▶ [Your assignment]:
Using the listing below, give the number of lines in which the string "Tree" appears, and nothing else.

-*-*-

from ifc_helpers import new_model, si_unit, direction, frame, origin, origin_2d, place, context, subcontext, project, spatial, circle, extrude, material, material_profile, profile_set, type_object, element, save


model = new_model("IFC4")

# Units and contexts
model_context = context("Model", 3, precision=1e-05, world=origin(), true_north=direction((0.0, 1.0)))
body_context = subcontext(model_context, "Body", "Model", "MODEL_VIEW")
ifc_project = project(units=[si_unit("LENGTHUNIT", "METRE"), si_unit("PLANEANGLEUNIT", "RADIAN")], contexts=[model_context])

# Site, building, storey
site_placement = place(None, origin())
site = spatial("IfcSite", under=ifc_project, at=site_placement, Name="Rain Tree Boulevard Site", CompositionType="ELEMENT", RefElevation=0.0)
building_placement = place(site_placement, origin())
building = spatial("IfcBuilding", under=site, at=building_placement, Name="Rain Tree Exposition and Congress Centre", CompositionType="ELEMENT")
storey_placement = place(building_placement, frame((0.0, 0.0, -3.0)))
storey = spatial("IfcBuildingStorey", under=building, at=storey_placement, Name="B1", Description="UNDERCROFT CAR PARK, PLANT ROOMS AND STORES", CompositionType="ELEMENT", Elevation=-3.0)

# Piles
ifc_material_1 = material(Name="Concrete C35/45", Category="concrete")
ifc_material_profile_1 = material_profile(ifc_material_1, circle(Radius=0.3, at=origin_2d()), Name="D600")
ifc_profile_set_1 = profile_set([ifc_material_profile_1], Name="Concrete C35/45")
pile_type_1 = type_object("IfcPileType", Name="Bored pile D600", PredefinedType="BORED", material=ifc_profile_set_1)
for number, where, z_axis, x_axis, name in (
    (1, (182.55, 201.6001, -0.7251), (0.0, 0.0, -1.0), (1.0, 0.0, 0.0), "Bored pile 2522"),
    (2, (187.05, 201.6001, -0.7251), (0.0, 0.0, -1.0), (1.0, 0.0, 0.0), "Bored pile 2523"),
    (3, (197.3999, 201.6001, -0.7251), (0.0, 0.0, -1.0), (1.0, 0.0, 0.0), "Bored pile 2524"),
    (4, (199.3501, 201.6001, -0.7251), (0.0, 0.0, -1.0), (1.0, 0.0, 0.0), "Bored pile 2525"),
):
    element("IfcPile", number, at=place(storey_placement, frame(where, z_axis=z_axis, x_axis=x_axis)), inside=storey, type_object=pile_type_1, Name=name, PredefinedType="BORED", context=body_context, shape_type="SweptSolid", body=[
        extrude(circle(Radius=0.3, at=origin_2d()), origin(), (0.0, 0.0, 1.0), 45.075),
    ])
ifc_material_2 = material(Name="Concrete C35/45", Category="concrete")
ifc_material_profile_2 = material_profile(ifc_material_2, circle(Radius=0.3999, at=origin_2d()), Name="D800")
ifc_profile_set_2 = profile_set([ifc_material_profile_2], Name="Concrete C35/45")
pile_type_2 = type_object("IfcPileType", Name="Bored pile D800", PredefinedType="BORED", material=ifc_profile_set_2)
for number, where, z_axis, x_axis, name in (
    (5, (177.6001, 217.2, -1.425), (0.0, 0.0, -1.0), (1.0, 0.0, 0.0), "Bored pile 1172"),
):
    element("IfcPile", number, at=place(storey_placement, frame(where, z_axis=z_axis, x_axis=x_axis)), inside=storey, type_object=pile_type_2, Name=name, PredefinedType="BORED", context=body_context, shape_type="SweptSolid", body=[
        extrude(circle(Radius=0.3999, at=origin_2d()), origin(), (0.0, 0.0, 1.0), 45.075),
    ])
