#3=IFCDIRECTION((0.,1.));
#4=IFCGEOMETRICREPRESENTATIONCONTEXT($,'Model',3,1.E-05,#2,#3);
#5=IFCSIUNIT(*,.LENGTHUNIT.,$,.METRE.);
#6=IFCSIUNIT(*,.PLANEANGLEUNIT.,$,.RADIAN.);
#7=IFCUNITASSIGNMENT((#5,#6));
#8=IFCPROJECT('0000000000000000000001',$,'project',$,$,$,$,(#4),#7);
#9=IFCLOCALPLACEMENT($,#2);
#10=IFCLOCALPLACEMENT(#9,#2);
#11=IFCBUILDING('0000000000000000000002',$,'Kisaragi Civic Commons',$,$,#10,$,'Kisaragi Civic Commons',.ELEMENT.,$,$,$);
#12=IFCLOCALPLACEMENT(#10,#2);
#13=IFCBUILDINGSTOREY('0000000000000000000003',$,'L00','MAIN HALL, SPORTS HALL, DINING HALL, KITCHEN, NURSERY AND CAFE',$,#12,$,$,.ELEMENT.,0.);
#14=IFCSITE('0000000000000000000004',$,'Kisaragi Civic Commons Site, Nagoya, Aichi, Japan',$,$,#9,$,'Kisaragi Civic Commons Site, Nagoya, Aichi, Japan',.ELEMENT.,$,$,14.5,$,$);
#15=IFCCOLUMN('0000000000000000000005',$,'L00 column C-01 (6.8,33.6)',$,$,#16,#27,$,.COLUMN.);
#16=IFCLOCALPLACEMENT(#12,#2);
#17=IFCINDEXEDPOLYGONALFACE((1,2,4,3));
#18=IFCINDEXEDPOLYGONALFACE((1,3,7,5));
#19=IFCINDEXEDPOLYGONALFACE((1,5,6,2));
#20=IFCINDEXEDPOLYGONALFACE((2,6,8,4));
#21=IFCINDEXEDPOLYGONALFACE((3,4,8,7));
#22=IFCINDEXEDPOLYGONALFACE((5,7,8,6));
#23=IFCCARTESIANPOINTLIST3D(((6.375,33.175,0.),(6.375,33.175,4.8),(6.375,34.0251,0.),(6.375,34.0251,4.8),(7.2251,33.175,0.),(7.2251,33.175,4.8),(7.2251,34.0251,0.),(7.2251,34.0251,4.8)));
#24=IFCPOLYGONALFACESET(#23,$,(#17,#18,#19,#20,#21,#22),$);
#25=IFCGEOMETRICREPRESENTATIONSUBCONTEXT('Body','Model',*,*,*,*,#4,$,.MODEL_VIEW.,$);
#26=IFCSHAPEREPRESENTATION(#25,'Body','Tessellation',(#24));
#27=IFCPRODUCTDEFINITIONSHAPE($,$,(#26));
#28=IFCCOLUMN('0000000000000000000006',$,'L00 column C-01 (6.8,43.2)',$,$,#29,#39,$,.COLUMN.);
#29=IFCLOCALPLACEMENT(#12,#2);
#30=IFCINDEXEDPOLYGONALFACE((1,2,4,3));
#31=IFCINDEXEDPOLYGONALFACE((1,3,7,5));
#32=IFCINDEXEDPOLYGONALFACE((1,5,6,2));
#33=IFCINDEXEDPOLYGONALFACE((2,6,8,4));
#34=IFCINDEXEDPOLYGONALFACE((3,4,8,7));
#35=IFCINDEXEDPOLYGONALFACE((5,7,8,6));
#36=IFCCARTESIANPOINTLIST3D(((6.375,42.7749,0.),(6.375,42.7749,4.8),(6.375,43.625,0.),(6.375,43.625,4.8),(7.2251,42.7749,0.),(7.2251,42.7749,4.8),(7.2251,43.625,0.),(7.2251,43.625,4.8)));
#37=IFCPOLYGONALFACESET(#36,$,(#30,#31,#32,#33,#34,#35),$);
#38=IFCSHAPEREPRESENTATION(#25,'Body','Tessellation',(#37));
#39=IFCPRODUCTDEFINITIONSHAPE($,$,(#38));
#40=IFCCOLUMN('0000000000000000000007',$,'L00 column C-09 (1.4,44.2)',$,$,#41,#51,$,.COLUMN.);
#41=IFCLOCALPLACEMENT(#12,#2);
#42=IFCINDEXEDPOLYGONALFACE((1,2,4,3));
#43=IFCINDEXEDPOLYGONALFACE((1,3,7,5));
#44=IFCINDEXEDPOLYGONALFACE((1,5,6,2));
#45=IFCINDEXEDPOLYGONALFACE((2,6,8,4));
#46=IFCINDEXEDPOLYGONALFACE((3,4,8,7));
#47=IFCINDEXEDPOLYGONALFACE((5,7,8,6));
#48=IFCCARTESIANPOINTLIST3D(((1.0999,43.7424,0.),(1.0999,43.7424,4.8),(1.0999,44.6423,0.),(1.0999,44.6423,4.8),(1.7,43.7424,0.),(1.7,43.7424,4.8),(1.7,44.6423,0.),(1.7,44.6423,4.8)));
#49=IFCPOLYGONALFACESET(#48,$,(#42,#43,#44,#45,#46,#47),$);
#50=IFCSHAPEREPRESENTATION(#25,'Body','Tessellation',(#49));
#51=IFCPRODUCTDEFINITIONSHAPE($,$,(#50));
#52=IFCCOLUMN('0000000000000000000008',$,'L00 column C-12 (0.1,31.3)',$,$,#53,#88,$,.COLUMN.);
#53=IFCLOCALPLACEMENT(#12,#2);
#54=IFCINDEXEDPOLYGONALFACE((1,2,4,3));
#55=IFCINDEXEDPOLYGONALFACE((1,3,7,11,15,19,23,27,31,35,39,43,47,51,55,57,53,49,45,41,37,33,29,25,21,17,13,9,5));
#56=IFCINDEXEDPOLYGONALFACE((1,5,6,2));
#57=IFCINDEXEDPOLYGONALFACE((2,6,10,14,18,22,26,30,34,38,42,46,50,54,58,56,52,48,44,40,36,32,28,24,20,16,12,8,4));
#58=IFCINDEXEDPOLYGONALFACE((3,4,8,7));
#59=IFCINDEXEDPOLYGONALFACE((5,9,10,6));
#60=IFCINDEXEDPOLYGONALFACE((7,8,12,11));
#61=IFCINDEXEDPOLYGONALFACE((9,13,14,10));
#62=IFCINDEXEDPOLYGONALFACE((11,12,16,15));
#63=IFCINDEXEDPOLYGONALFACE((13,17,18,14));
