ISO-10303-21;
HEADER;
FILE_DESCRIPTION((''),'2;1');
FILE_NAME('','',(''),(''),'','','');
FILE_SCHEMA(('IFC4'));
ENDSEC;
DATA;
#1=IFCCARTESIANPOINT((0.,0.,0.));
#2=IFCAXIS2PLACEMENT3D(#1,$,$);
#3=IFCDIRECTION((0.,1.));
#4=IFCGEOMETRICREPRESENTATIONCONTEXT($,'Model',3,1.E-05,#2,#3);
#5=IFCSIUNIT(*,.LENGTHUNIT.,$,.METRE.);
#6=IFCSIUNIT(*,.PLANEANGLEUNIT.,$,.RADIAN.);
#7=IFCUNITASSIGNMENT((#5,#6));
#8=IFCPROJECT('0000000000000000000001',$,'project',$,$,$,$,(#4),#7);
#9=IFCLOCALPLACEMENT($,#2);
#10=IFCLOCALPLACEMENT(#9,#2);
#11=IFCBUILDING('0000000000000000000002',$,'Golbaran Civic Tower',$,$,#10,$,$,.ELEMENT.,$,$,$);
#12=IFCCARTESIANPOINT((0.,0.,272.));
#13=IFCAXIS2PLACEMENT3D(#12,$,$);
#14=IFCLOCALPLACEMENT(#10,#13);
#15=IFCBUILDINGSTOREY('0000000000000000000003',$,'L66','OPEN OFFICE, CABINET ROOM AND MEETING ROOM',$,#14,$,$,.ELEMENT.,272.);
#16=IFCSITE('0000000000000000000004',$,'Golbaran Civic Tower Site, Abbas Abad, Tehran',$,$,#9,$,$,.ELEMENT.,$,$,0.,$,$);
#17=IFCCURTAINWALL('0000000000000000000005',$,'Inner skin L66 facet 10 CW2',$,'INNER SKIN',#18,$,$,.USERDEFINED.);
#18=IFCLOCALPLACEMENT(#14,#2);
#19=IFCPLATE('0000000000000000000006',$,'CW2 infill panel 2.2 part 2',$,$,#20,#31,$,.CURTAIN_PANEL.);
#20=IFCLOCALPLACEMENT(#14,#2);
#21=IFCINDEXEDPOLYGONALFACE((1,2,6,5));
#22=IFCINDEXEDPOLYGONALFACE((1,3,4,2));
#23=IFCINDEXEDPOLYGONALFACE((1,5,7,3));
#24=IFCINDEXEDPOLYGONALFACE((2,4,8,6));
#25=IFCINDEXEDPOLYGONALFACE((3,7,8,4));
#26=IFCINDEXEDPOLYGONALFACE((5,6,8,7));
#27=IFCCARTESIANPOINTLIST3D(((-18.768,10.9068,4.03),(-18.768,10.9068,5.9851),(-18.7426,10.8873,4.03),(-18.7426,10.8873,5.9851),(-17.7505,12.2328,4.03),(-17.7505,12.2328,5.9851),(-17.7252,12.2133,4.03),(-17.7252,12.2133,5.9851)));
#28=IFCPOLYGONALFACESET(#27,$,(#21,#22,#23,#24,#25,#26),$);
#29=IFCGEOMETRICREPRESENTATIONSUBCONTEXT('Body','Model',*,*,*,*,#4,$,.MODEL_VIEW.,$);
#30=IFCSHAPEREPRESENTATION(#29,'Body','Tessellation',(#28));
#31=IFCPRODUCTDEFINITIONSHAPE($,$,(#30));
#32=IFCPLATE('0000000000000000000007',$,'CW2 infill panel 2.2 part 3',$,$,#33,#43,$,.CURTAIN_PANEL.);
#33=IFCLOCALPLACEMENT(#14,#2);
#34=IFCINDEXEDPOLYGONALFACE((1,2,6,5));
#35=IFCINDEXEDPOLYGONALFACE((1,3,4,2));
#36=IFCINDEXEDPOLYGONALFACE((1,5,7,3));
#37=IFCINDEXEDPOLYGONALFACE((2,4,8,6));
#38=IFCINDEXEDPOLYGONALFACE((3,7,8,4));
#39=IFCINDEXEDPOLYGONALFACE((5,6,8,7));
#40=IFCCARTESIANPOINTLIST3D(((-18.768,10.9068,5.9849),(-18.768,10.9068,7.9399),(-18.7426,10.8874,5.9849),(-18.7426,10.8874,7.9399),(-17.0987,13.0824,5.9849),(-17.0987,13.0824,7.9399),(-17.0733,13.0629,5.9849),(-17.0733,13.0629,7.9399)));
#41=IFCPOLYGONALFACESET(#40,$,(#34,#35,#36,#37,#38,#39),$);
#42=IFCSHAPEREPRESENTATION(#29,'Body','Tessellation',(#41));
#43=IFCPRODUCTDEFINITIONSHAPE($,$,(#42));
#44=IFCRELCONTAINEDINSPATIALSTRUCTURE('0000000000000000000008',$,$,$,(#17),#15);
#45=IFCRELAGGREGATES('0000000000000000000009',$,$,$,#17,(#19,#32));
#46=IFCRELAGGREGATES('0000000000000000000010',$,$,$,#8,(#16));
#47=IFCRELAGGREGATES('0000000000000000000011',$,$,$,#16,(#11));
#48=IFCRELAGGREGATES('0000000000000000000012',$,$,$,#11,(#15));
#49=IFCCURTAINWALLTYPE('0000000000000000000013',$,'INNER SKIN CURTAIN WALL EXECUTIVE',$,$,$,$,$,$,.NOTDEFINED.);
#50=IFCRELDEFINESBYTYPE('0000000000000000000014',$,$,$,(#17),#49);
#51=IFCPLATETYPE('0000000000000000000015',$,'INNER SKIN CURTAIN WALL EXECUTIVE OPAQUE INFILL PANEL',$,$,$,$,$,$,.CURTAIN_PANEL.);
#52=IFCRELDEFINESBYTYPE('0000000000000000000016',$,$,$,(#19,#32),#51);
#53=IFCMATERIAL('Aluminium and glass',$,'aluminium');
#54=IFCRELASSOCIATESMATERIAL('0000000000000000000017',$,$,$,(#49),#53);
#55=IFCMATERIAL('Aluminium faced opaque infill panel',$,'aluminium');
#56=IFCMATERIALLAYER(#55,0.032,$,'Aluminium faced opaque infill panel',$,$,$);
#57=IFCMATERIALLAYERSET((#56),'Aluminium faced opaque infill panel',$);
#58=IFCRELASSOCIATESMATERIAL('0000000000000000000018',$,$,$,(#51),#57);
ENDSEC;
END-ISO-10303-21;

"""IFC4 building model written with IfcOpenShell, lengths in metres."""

from ifc_helpers import new_model, si_unit, direction, frame, origin, origin_2d, place, context, subcontext, project, spatial, rectangle, extrude, material, layer, layer_set, type_object, element, aggregate, save


model = new_model("IFC4")

# Units and contexts
model_context = context("Model", 3, precision=1e-05, world=origin(), true_north=direction((0.0, 1.0)))
body_context = subcontext(model_context, "Body", "Model", "MODEL_VIEW")
ifc_project = project(units=[si_unit("LENGTHUNIT", "METRE"), si_unit("PLANEANGLEUNIT", "RADIAN")], contexts=[model_context])

# Site, building, storey
site_placement = place(None, origin())
site = spatial("IfcSite", under=ifc_project, at=site_placement, Name="Golbaran Civic Tower Site, Abbas Abad, Tehran", CompositionType="ELEMENT", RefElevation=0.0)
building_placement = place(site_placement, origin())
building = spatial("IfcBuilding", under=site, at=building_placement, Name="Golbaran Civic Tower", CompositionType="ELEMENT")
storey_placement = place(building_placement, frame((0.0, 0.0, 272.0)))
storey = spatial("IfcBuildingStorey", under=building, at=storey_placement, Name="L66", Description="OPEN OFFICE, CABINET ROOM AND MEETING ROOM", CompositionType="ELEMENT", Elevation=272.0)

# Curtain wall
ifc_material_1 = material(Name="Aluminium and glass", Category="aluminium")
curtain_wall_type = type_object("IfcCurtainWallType", Name="INNER SKIN CURTAIN WALL EXECUTIVE", PredefinedType="NOTDEFINED", material=ifc_material_1)
curtain_wall_1_placement = place(storey_placement, origin())
curtain_wall_1 = element("IfcCurtainWall", 1, at=curtain_wall_1_placement, inside=storey, type_object=curtain_wall_type, Name="Inner skin L66 facet 10 CW2", ObjectType="INNER SKIN", PredefinedType="USERDEFINED")

# Plates
ifc_material_2 = material(Name="Aluminium faced opaque infill panel", Category="aluminium")
ifc_layer_1 = layer(ifc_material_2, 0.032, Name="Aluminium faced opaque infill panel")
ifc_layer_set_1 = layer_set([ifc_layer_1], Name="Aluminium faced opaque infill panel")
plate_type_1 = type_object("IfcPlateType", Name="INNER SKIN CURTAIN WALL EXECUTIVE OPAQUE INFILL PANEL", PredefinedType="CURTAIN_PANEL", material=ifc_layer_set_1)
plate_1_placement = place(storey_placement, frame((-18.2466, 11.5601, 4.03), z_axis=(0.0, 0.0, 1.0), x_axis=(-0.608761, -0.793353, 0.0)))
plate_1 = element("IfcPlate", 2, at=plate_1_placement, type_object=plate_type_1, Name="CW2 infill panel 2.2 part 2", PredefinedType="CURTAIN_PANEL", context=body_context, shape_type="SweptSolid", body=[
    extrude(rectangle(XDim=1.6714, YDim=0.032, at=origin_2d()), origin(), (0.0, 0.0, 1.0), 1.9551),
])
plate_2_placement = place(storey_placement, frame((-17.9207, 11.9849, 5.9849), z_axis=(0.0, 0.0, 1.0), x_axis=(-0.608761, -0.793353, 0.0)))
plate_2 = element("IfcPlate", 3, at=plate_2_placement, type_object=plate_type_1, Name="CW2 infill panel 2.2 part 3", PredefinedType="CURTAIN_PANEL", context=body_context, shape_type="SweptSolid", body=[
    extrude(rectangle(XDim=2.7422, YDim=0.032, at=origin_2d()), origin(), (0.0, 0.0, 1.0), 1.9551),
])
aggregate(curtain_wall_1, [plate_1, plate_2])

save(model, "model.ifc")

-*-*-

▶ [Solution to the exercise]:
2